→ WHAT YOU HAVE TO DO: Copy each line from the entries that the word "path" appears in.
================================
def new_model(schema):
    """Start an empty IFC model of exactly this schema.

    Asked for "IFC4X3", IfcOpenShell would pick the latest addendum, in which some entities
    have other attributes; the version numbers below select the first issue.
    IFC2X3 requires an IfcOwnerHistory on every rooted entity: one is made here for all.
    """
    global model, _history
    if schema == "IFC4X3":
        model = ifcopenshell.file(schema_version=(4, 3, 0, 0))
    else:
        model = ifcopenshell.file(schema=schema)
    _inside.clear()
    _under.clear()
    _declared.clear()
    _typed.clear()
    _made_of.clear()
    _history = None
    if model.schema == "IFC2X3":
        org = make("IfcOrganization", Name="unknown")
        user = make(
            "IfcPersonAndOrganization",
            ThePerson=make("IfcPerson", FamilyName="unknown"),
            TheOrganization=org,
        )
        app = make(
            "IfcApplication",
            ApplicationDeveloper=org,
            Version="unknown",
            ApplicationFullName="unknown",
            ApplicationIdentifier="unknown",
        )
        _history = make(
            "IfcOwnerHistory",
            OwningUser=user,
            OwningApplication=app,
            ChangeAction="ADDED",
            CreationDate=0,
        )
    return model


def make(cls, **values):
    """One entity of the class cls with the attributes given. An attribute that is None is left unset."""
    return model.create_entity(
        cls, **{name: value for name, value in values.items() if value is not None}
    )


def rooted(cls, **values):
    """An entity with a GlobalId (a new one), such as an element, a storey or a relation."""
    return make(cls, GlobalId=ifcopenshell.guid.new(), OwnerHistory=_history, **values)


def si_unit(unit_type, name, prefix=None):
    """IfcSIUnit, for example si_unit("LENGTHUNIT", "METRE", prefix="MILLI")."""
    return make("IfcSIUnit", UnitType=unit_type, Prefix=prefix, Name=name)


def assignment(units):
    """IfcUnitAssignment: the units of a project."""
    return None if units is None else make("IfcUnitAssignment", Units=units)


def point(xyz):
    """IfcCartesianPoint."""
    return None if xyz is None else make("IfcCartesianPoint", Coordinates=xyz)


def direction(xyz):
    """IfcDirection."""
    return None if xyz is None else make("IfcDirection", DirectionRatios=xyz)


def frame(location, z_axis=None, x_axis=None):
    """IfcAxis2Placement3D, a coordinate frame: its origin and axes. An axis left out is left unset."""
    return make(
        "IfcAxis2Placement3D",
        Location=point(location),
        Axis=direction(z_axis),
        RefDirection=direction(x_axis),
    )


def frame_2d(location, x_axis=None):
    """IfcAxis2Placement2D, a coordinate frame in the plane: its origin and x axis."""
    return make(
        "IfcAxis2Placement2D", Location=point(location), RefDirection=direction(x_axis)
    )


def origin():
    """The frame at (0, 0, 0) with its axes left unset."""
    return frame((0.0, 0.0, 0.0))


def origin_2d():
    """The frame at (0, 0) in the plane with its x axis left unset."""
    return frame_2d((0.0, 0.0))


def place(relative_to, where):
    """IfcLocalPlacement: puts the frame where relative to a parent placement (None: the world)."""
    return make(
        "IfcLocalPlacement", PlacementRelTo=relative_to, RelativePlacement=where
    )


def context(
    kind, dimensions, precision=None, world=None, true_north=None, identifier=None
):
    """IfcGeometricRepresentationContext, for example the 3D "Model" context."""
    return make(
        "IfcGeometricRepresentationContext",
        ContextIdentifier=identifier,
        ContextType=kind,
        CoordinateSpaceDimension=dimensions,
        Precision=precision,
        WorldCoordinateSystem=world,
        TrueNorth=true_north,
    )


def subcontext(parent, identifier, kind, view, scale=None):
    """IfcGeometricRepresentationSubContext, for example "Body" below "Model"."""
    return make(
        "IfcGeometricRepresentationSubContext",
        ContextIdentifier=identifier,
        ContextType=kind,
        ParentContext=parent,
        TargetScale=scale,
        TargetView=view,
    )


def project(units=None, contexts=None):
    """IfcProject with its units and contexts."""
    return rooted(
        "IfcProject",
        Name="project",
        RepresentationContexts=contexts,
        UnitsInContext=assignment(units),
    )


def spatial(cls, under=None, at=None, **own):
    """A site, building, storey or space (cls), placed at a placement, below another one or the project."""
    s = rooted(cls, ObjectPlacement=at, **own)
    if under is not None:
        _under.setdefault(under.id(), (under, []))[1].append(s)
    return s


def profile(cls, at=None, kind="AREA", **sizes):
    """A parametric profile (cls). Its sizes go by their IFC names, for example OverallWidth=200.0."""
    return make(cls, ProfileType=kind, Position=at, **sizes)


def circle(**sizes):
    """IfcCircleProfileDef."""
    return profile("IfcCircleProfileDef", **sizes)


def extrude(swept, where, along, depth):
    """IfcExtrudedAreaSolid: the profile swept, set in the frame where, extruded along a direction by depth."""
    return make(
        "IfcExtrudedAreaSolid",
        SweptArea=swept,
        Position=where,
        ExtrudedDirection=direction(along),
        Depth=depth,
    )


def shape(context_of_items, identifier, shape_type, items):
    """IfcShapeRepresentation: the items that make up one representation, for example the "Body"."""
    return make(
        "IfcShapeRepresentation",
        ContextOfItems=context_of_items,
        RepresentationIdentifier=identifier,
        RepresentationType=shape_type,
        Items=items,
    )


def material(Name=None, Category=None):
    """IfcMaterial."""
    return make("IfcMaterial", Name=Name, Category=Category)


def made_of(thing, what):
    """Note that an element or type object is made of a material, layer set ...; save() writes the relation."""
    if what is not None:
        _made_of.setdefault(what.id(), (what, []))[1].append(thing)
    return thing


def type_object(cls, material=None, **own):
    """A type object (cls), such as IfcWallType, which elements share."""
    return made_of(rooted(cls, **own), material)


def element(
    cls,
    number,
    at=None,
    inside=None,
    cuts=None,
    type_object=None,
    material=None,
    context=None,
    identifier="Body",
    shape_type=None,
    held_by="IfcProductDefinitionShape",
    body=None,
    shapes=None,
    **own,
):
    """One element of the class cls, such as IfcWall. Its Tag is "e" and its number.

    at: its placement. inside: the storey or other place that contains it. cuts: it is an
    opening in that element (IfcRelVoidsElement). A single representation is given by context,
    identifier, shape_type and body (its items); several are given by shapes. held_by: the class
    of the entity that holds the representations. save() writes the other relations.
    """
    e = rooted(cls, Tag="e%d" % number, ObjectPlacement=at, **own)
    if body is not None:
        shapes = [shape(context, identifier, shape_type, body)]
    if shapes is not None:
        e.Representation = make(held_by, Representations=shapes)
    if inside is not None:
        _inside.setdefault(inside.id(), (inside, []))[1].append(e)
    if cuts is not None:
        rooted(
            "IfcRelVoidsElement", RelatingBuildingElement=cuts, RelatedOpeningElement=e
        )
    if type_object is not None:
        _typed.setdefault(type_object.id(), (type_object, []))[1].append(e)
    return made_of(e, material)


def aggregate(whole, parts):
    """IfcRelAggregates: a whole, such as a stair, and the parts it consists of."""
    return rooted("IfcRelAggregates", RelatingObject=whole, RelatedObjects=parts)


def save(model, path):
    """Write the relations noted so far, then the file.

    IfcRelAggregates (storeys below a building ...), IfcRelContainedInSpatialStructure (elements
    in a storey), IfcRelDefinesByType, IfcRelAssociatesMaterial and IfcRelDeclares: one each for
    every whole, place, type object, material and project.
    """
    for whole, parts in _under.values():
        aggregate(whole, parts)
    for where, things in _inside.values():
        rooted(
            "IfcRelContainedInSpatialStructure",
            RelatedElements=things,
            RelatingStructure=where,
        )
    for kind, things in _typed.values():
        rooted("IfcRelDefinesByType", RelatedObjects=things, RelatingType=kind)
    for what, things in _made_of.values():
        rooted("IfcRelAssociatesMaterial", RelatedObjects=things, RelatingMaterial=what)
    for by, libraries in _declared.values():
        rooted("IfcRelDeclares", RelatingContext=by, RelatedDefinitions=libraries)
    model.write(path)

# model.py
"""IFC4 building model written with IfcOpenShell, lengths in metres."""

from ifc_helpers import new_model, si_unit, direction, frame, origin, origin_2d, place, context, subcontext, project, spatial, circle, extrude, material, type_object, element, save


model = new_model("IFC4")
================================
→ REPLY TO THE EXERCISE:
def save(model, path):
    model.write(path)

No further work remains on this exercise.